▶ [YOUR ASSIGNMENT]
Across the entries below, determine how many lines include the word "Aluminium". State only the resulting number.

##### GIVEN ENTRIES #####

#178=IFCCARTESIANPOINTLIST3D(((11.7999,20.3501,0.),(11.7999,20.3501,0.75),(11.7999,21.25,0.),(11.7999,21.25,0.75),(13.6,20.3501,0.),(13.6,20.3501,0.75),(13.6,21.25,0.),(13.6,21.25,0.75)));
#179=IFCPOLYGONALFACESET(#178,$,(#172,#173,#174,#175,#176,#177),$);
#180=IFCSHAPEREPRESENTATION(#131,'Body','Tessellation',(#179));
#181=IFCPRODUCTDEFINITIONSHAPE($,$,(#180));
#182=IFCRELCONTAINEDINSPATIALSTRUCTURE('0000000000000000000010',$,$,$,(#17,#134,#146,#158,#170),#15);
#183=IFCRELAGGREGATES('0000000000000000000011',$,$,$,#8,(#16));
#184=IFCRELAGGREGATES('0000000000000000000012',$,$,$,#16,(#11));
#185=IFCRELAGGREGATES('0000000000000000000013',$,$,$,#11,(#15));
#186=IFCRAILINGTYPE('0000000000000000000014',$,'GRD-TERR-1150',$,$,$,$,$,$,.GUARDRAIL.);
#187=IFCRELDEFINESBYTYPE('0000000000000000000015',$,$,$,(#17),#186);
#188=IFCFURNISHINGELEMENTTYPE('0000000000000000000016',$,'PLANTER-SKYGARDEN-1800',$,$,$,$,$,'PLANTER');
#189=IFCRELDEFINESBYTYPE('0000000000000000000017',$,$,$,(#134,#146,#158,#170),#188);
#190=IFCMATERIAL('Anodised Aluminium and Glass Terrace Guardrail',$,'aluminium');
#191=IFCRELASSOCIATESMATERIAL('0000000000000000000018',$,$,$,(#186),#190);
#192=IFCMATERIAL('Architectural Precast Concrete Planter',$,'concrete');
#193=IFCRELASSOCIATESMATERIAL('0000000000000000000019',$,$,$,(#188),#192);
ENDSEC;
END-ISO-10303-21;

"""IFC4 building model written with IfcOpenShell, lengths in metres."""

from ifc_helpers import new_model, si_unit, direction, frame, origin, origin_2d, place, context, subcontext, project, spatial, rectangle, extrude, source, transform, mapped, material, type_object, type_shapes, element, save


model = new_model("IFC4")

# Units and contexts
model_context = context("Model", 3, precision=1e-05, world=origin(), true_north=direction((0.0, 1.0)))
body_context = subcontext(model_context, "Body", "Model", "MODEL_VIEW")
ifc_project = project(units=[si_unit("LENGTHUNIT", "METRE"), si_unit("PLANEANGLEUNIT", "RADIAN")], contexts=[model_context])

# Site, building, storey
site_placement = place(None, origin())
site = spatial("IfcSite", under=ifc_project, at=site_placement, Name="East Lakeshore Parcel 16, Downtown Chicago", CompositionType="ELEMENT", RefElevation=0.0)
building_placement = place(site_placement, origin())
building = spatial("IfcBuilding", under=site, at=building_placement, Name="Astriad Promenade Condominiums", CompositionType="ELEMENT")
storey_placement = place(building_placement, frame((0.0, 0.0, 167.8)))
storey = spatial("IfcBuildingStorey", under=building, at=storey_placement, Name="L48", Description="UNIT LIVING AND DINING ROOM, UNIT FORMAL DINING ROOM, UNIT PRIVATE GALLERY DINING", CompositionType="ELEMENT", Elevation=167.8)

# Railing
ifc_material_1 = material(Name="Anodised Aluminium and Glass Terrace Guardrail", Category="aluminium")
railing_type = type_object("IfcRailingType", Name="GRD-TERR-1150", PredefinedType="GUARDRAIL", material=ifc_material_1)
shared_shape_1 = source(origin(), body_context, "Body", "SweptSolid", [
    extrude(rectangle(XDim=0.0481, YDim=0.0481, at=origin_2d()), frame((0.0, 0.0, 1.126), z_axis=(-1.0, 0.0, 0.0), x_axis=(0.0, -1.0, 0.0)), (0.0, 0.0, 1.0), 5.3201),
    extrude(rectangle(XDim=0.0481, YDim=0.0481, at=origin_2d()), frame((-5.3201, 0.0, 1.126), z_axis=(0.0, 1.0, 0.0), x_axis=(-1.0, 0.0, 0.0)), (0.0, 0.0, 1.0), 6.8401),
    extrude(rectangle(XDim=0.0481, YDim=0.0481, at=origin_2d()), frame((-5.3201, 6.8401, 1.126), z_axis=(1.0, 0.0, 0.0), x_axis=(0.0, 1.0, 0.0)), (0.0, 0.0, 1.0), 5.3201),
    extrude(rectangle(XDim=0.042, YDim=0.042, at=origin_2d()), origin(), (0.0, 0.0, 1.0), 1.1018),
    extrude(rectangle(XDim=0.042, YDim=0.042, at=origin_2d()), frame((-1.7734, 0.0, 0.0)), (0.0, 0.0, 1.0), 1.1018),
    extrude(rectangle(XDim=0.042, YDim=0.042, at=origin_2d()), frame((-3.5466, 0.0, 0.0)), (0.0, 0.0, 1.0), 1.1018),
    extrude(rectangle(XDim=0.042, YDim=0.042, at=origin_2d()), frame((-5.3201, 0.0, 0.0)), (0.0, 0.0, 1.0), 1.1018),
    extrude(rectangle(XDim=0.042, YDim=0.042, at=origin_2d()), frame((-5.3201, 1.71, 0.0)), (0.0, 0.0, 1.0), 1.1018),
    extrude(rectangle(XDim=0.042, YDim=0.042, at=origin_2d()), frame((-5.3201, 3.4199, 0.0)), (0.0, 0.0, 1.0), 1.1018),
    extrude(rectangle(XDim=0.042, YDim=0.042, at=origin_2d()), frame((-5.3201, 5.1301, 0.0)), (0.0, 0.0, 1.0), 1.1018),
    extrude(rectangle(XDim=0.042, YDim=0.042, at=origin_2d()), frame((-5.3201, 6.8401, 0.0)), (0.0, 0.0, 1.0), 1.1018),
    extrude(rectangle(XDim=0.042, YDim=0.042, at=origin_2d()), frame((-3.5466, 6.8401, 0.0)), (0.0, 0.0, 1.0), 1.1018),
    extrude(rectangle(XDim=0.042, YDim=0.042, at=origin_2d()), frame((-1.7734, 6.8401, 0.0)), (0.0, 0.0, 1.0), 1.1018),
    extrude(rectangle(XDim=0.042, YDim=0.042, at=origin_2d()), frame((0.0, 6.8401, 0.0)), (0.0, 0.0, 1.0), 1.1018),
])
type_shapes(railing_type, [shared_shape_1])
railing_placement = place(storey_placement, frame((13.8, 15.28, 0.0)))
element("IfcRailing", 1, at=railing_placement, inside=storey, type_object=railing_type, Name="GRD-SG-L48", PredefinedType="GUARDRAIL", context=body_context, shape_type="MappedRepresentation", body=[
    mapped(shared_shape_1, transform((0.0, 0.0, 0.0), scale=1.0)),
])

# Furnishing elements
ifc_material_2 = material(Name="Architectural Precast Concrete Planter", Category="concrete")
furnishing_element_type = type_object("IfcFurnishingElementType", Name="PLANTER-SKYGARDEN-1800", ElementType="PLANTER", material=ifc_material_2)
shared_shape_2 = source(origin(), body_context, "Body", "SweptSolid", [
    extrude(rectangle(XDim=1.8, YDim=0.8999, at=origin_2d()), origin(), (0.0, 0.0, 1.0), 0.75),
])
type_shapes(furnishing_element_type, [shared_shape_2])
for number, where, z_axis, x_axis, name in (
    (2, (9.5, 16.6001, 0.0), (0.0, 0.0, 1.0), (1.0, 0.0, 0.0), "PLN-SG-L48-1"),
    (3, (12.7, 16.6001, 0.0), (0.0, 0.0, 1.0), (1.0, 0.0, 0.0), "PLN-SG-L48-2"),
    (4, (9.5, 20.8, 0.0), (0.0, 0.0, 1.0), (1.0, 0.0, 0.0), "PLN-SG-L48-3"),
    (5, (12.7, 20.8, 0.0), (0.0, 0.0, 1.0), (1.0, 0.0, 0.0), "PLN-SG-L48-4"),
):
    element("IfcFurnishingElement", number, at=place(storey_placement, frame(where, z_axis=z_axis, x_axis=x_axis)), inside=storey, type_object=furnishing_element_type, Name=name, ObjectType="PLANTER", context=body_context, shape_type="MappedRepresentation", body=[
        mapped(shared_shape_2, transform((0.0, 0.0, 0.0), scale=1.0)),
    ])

#####

▶ [EXERCISE RESPONSE]
2